[Stored data]
== Segment start ==
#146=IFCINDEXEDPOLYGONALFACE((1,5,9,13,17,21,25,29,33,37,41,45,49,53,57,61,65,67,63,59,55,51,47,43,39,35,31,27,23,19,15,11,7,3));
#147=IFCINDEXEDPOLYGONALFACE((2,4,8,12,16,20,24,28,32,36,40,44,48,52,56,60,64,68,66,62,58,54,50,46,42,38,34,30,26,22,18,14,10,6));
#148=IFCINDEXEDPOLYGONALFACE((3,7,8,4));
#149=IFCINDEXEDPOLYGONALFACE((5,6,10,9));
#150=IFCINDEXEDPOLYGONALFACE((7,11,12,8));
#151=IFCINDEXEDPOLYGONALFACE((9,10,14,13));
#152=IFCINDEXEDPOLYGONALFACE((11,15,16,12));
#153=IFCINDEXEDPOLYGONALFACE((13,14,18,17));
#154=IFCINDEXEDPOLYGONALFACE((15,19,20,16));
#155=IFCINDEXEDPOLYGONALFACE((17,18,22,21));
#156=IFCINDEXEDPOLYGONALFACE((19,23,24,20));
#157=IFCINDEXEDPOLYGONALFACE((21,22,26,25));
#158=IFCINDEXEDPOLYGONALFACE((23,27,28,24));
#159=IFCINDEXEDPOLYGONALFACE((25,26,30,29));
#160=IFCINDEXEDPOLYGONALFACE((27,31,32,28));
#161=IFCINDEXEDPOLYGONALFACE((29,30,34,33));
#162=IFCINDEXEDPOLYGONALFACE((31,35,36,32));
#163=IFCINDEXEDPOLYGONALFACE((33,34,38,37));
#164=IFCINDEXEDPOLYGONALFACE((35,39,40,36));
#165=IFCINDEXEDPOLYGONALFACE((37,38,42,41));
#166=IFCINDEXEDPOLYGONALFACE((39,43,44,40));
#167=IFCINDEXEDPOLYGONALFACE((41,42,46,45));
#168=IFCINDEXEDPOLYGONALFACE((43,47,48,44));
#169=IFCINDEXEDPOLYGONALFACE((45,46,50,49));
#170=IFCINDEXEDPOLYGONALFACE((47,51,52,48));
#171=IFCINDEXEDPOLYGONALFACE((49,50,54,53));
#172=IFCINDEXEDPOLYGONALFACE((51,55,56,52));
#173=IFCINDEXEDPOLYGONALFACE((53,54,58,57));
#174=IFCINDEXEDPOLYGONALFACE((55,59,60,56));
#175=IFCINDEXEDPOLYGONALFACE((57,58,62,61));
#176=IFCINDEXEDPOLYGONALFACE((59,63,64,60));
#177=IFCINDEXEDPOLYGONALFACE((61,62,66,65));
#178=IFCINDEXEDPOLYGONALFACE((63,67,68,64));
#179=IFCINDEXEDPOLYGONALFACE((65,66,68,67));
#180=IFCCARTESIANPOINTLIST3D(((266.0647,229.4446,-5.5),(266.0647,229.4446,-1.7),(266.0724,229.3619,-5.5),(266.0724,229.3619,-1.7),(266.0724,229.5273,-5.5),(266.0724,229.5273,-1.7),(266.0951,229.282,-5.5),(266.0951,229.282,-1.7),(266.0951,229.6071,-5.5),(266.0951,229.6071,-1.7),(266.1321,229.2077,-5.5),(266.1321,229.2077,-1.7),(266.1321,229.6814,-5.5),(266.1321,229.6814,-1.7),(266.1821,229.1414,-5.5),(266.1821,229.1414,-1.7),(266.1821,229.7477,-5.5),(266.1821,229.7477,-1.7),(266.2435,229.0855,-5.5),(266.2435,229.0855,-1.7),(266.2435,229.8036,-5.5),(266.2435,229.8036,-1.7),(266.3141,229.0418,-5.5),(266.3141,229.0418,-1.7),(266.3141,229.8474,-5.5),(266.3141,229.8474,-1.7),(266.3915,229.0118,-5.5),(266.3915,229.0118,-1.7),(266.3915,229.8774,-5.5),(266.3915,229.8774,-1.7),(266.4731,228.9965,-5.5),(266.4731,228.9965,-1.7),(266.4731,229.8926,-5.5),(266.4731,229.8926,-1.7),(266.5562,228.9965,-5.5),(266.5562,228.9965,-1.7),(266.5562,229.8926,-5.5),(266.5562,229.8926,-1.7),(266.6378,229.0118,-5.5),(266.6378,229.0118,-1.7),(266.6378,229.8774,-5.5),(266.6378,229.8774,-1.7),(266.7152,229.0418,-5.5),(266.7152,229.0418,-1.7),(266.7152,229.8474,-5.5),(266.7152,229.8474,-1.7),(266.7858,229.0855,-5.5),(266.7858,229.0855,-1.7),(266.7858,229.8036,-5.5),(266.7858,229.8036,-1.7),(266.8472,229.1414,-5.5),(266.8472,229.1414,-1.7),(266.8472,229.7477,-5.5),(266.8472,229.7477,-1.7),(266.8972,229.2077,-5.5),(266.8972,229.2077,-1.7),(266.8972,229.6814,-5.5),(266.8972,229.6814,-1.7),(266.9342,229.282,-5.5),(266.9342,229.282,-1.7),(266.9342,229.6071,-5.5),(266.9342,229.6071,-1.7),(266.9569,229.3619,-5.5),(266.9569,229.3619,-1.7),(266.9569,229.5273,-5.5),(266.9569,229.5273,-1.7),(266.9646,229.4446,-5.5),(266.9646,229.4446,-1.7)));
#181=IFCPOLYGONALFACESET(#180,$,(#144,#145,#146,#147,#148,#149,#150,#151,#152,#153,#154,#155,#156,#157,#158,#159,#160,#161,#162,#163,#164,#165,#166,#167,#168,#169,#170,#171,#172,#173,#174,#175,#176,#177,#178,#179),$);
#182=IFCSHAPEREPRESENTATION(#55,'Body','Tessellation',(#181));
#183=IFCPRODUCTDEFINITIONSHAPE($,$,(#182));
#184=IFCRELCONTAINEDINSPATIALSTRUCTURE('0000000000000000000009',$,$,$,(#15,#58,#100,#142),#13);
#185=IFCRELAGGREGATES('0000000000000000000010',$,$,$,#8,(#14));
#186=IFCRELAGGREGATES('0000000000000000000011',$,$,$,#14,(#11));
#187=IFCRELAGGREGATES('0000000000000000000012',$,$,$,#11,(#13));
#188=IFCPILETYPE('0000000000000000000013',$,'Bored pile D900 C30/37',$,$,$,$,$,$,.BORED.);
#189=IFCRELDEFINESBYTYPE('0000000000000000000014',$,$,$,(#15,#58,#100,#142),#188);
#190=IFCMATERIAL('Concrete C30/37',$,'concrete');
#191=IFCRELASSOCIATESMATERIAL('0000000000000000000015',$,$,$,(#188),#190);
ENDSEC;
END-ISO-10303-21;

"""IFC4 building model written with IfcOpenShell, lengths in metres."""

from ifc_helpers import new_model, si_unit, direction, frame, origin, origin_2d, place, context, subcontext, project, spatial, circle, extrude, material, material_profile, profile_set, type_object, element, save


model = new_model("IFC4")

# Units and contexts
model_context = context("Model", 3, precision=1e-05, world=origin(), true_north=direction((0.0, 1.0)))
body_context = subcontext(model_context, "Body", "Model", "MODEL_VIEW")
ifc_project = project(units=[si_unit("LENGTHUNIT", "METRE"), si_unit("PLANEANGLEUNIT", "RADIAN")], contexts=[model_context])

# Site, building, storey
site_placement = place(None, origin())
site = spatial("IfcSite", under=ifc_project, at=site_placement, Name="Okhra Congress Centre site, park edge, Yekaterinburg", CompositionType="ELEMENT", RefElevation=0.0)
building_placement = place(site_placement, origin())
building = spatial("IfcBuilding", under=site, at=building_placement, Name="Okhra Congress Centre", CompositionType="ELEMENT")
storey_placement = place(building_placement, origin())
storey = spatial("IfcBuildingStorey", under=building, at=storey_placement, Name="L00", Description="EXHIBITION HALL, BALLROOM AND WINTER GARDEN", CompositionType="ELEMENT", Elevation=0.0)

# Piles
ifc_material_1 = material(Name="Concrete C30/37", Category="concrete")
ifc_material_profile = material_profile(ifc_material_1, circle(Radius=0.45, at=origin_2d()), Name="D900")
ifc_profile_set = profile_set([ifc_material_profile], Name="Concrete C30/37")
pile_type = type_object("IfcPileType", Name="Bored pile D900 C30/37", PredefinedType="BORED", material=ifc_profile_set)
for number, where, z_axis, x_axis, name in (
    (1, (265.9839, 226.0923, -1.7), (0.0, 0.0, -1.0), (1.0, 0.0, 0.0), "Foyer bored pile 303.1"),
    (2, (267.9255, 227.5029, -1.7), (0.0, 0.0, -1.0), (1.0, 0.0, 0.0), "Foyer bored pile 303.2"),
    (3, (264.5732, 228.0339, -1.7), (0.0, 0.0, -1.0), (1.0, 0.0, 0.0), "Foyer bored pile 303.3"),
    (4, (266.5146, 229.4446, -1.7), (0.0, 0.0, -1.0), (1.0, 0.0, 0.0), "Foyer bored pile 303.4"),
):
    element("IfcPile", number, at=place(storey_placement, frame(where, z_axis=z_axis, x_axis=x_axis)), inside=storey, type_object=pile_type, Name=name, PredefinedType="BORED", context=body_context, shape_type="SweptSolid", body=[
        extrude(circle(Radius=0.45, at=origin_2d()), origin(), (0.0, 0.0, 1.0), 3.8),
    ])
== Segment end ==
Please retype the top of the data exactly, down to and including the line that holds "#148=IFCINDEXEDPOLYGONALFACE((3,7,8,4));", and nothing further.

Answer section:
#146=IFCINDEXEDPOLYGONALFACE((1,5,9,13,17,21,25,29,33,37,41,45,49,53,57,61,65,67,63,59,55,51,47,43,39,35,31,27,23,19,15,11,7,3));
#147=IFCINDEXEDPOLYGONALFACE((2,4,8,12,16,20,24,28,32,36,40,44,48,52,56,60,64,68,66,62,58,54,50,46,42,38,34,30,26,22,18,14,10,6));
#148=IFCINDEXEDPOLYGONALFACE((3,7,8,4));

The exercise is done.